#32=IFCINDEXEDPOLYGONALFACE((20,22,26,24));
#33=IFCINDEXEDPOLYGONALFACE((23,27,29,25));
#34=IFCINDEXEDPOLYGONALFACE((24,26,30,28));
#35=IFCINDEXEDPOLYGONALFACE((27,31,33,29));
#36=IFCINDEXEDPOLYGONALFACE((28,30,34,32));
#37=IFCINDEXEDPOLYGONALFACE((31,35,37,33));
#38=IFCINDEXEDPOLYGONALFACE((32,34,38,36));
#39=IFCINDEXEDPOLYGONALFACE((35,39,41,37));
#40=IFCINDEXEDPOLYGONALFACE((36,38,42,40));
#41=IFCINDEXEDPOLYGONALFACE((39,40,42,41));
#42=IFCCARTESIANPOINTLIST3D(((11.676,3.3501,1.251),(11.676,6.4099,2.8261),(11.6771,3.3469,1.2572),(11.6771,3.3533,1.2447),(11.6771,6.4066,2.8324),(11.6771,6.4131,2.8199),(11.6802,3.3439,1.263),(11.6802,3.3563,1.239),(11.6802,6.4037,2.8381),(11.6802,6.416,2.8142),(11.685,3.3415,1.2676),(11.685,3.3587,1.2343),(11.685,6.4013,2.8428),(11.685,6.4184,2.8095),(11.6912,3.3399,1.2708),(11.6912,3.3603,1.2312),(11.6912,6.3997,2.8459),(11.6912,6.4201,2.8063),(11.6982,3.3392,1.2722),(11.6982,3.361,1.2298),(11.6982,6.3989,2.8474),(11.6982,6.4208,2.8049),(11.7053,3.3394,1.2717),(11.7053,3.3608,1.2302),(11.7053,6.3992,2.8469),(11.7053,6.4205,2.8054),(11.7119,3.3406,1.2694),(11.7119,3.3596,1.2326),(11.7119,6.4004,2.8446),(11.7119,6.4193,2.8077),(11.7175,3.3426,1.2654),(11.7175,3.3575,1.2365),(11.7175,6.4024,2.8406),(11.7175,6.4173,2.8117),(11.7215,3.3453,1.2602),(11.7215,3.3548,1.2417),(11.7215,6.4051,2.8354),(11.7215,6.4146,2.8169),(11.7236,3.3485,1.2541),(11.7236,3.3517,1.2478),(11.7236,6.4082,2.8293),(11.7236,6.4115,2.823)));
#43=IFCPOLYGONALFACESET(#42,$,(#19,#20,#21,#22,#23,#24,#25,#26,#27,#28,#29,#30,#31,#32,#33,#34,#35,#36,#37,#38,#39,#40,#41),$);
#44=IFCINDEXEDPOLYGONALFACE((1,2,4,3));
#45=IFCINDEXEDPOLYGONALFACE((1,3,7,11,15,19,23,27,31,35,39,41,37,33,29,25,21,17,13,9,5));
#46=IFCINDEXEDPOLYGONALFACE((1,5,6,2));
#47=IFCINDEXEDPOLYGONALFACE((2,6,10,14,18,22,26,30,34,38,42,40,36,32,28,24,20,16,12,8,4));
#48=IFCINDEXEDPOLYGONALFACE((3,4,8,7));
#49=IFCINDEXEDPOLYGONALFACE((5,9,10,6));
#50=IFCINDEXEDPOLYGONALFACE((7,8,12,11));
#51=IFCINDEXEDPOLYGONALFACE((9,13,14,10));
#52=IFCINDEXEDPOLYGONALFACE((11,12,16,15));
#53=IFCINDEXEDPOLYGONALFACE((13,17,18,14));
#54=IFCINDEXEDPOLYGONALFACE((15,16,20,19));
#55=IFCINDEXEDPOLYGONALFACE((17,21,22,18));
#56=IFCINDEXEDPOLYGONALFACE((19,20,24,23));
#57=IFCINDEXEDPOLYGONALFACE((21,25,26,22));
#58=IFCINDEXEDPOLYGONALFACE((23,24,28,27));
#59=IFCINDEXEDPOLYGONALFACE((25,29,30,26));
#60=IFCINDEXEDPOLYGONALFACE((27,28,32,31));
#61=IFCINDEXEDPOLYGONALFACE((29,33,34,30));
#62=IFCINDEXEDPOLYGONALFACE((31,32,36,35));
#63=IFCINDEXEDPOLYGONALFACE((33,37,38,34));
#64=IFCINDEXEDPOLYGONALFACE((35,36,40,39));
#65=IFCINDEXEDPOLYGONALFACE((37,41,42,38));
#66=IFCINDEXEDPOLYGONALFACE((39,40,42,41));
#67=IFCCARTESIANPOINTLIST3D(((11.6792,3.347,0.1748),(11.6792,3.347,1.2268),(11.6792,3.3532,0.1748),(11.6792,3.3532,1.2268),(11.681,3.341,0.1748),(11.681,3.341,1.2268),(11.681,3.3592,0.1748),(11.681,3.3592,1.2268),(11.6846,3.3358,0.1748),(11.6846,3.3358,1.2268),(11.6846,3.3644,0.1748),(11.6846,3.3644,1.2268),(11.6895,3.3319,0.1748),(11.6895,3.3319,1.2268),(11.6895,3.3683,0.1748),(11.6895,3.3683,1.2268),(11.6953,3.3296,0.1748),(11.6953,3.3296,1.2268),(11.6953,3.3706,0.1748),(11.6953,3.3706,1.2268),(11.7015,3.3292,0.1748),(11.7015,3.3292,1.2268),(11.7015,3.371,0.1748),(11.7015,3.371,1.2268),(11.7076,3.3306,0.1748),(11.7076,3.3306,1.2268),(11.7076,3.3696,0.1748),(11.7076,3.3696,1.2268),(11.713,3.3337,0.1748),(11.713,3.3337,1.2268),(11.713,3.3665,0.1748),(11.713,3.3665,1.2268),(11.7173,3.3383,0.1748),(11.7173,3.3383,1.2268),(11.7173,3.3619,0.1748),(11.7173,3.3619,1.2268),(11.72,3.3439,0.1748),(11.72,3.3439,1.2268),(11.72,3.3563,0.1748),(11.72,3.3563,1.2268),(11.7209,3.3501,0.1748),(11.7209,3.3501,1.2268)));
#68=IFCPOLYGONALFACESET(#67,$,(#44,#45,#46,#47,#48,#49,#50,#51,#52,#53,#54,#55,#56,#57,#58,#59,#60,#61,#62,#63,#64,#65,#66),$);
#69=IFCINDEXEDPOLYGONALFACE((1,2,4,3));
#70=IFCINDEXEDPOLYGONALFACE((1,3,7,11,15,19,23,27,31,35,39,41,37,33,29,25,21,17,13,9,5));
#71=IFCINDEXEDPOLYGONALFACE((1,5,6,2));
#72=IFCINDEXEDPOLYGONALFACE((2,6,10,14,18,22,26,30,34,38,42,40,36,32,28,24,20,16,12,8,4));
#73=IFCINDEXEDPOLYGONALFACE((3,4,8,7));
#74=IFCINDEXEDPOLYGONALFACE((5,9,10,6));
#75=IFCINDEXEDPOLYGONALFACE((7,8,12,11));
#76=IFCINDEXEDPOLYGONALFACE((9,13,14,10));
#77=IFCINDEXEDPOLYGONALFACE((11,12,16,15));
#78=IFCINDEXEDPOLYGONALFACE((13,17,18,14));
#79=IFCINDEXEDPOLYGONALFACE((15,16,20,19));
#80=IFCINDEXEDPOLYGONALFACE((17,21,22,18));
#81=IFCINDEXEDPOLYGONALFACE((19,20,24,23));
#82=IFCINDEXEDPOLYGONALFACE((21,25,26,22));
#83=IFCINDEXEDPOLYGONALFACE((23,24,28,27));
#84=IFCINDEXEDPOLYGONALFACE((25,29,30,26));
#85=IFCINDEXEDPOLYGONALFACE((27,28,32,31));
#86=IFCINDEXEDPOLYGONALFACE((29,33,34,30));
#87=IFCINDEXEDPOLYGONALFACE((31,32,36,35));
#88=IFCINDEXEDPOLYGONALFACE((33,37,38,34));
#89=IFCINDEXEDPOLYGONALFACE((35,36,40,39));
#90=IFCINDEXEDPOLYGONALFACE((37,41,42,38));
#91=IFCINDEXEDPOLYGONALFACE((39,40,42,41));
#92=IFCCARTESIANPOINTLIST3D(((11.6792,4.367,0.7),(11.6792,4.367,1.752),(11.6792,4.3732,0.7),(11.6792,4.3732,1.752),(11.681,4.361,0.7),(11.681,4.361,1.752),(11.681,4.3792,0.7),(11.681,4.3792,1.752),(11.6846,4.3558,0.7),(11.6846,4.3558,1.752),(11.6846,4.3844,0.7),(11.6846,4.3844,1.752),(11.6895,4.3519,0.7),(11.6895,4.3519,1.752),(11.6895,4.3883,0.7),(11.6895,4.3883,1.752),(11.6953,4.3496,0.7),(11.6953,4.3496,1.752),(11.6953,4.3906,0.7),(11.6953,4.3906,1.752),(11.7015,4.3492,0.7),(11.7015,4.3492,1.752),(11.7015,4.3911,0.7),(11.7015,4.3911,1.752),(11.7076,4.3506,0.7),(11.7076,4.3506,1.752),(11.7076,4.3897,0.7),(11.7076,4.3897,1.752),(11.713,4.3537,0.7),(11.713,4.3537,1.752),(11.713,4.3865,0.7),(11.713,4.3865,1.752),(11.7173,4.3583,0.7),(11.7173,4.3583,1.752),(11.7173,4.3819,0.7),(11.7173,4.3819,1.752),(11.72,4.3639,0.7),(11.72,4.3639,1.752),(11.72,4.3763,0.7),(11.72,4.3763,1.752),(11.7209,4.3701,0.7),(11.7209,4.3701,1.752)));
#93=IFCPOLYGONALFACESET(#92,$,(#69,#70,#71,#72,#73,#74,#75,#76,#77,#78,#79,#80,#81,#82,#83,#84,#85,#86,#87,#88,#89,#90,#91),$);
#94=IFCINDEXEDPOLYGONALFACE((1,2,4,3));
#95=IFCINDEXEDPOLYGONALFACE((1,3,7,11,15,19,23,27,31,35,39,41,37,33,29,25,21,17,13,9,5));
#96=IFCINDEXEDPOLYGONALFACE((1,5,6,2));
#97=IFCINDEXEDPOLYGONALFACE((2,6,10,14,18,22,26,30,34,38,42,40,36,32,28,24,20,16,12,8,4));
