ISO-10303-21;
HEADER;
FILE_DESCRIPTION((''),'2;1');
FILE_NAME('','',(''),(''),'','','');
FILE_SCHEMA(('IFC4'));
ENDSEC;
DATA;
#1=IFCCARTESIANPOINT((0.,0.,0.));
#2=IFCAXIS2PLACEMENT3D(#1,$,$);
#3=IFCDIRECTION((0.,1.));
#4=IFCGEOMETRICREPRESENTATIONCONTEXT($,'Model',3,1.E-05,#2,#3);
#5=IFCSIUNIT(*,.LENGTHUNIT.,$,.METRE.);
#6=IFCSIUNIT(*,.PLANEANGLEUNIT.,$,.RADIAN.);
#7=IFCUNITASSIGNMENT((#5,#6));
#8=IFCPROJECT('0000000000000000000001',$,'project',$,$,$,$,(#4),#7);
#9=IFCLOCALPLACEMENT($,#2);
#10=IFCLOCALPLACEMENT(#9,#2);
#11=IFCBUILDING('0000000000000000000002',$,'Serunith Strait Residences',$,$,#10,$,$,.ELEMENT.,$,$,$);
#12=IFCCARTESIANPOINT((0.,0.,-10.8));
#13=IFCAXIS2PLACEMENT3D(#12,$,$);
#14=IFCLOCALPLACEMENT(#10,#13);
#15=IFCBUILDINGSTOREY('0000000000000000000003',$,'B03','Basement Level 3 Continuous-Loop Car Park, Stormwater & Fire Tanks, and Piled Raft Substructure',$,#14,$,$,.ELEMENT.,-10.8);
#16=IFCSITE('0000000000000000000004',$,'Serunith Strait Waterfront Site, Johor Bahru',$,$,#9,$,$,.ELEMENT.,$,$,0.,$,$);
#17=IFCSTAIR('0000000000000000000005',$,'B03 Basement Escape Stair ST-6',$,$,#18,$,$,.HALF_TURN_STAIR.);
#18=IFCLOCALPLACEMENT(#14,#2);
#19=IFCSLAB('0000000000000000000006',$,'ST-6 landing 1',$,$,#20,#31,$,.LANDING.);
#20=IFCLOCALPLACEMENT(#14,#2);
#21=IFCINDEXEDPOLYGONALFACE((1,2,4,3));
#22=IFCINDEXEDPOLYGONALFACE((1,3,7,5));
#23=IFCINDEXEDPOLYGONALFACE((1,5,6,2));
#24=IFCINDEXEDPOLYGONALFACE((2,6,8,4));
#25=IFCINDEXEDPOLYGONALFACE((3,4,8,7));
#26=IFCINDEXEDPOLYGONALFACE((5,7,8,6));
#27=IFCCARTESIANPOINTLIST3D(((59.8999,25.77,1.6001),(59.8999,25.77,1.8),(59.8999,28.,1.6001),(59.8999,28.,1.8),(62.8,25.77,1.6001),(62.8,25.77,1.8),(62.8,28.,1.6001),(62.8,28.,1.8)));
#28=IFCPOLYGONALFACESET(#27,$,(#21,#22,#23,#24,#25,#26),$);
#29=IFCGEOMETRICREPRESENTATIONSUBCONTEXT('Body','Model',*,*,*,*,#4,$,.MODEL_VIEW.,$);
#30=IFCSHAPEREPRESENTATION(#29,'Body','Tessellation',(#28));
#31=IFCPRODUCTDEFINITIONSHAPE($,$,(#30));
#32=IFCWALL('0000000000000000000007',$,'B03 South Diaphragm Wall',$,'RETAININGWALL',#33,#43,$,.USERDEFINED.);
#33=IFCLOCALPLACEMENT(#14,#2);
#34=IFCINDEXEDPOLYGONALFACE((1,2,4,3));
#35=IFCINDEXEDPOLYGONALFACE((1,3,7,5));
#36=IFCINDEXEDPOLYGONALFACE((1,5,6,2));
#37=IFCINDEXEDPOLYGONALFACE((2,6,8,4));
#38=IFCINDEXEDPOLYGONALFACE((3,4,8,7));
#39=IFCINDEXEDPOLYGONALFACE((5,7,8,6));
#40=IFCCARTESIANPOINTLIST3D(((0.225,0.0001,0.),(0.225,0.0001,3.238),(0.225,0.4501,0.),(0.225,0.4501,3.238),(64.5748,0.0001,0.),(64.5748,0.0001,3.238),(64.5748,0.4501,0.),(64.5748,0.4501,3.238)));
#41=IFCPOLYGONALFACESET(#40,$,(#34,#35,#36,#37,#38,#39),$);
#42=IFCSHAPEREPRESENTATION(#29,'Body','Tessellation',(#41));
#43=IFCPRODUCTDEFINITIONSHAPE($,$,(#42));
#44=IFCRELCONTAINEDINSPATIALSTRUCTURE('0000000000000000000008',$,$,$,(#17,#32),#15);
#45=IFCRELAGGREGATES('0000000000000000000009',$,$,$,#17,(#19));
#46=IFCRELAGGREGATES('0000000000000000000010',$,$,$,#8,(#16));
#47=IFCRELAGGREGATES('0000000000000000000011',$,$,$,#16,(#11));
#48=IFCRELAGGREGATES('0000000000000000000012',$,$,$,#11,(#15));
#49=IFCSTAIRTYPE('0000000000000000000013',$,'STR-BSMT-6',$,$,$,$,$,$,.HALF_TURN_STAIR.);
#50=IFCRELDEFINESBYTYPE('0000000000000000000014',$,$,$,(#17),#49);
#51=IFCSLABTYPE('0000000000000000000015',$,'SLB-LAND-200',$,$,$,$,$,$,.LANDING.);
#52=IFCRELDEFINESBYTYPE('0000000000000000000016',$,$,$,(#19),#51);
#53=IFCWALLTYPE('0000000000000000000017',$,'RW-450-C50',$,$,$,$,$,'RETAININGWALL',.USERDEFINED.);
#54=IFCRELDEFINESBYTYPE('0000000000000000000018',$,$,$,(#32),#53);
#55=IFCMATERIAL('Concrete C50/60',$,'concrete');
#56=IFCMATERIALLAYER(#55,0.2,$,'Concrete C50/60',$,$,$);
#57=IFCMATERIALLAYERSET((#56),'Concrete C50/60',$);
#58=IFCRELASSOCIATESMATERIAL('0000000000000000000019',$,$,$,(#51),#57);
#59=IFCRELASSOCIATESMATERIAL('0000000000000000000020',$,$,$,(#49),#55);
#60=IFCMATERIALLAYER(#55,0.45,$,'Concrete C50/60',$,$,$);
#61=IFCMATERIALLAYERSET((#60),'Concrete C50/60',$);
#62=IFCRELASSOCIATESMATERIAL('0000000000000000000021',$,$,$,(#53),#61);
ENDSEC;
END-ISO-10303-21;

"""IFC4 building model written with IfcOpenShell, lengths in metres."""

from ifc_helpers import new_model, si_unit, direction, frame, frame_2d, origin, place, context, subcontext, project, spatial, polyline, rectangle, outline, extrude, material, layer, layer_set, type_object, element, aggregate, save


model = new_model("IFC4")

# Units and contexts
model_context = context("Model", 3, precision=1e-05, world=origin(), true_north=direction((0.0, 1.0)))
body_context = subcontext(model_context, "Body", "Model", "MODEL_VIEW")
ifc_project = project(units=[si_unit("LENGTHUNIT", "METRE"), si_unit("PLANEANGLEUNIT", "RADIAN")], contexts=[model_context])

# Site, building, storey
site_placement = place(None, origin())
site = spatial("IfcSite", under=ifc_project, at=site_placement, Name="Serunith Strait Waterfront Site, Johor Bahru", CompositionType="ELEMENT", RefElevation=0.0)
building_placement = place(site_placement, origin())
building = spatial("IfcBuilding", under=site, at=building_placement, Name="Serunith Strait Residences", CompositionType="ELEMENT")
storey_placement = place(building_placement, frame((0.0, 0.0, -10.8)))
storey = spatial("IfcBuildingStorey", under=building, at=storey_placement, Name="B03", Description="Basement Level 3 Continuous-Loop Car Park, Stormwater & Fire Tanks, and Piled Raft Substructure", CompositionType="ELEMENT", Elevation=-10.8)

# Shared definitions
ifc_material_1 = material(Name="Concrete C50/60", Category="concrete")

# Stair, slab
ifc_layer_1 = layer(ifc_material_1, 0.2, Name="Concrete C50/60")
ifc_layer_set_1 = layer_set([ifc_layer_1], Name="Concrete C50/60")
slab_type_1 = type_object("IfcSlabType", Name="SLB-LAND-200", PredefinedType="LANDING", material=ifc_layer_set_1)
stair_type_1 = type_object("IfcStairType", Name="STR-BSMT-6", PredefinedType="HALF_TURN_STAIR", material=ifc_material_1)
stair_1_placement = place(storey_placement, origin())
stair_1 = element("IfcStair", 1, at=stair_1_placement, inside=storey, type_object=stair_type_1, Name="B03 Basement Escape Stair ST-6", PredefinedType="HALF_TURN_STAIR")
slab_1_placement = place(storey_placement, frame((0.0, 0.0, 1.6001)))
slab_1 = element("IfcSlab", 2, at=slab_1_placement, type_object=slab_type_1, Name="ST-6 landing 1", PredefinedType="LANDING", context=body_context, shape_type="SweptSolid", body=[
    extrude(outline(polyline([(62.8, 25.77), (62.8, 28.0), (59.8999, 28.0), (59.8999, 25.77), (62.8, 25.77)])), origin(), (0.0, 0.0, 1.0), 0.2),
])
aggregate(stair_1, [slab_1])

# Wall
ifc_layer_2 = layer(ifc_material_1, 0.45, Name="Concrete C50/60")
ifc_layer_set_2 = layer_set([ifc_layer_2], Name="Concrete C50/60")
wall_type = type_object("IfcWallType", Name="RW-450-C50", ElementType="RETAININGWALL", PredefinedType="USERDEFINED", material=ifc_layer_set_2)
wall_placement = place(storey_placement, frame((0.2251, 0.2251, 0.0), z_axis=(0.0, 0.0, 1.0), x_axis=(1.0, 0.0, 0.0)))
element("IfcWall", 3, at=wall_placement, inside=storey, type_object=wall_type, Name="B03 South Diaphragm Wall", ObjectType="RETAININGWALL", PredefinedType="USERDEFINED", context=body_context, shape_type="SweptSolid", body=[
    extrude(rectangle(XDim=64.3499, YDim=0.45, at=frame_2d((32.1748, 0.0))), origin(), (0.0, 0.0, 1.0), 3.238),
])

save(model, "model.ifc")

----------

• Work to be completed: When the line with "#53=IFCINDEXEDPOLYGONALFACE((13,17,18,14));" is reached in the data above, begin copying, and stop after the line with "#66=IFCINDEXEDPOLYGONALFACE((39,40,42,41));"; copy each line exactly, both ends included.

• Exercise answer:
#53=IFCINDEXEDPOLYGONALFACE((13,17,18,14));
#54=IFCINDEXEDPOLYGONALFACE((15,16,20,19));
#55=IFCINDEXEDPOLYGONALFACE((17,21,22,18));
#56=IFCINDEXEDPOLYGONALFACE((19,20,24,23));
#57=IFCINDEXEDPOLYGONALFACE((21,25,26,22));
#58=IFCINDEXEDPOLYGONALFACE((23,24,28,27));
#59=IFCINDEXEDPOLYGONALFACE((25,29,30,26));
#60=IFCINDEXEDPOLYGONALFACE((27,28,32,31));
#61=IFCINDEXEDPOLYGONALFACE((29,33,34,30));
#62=IFCINDEXEDPOLYGONALFACE((31,32,36,35));
#63=IFCINDEXEDPOLYGONALFACE((33,37,38,34));
#64=IFCINDEXEDPOLYGONALFACE((35,36,40,39));
#65=IFCINDEXEDPOLYGONALFACE((37,41,42,38));
#66=IFCINDEXEDPOLYGONALFACE((39,40,42,41));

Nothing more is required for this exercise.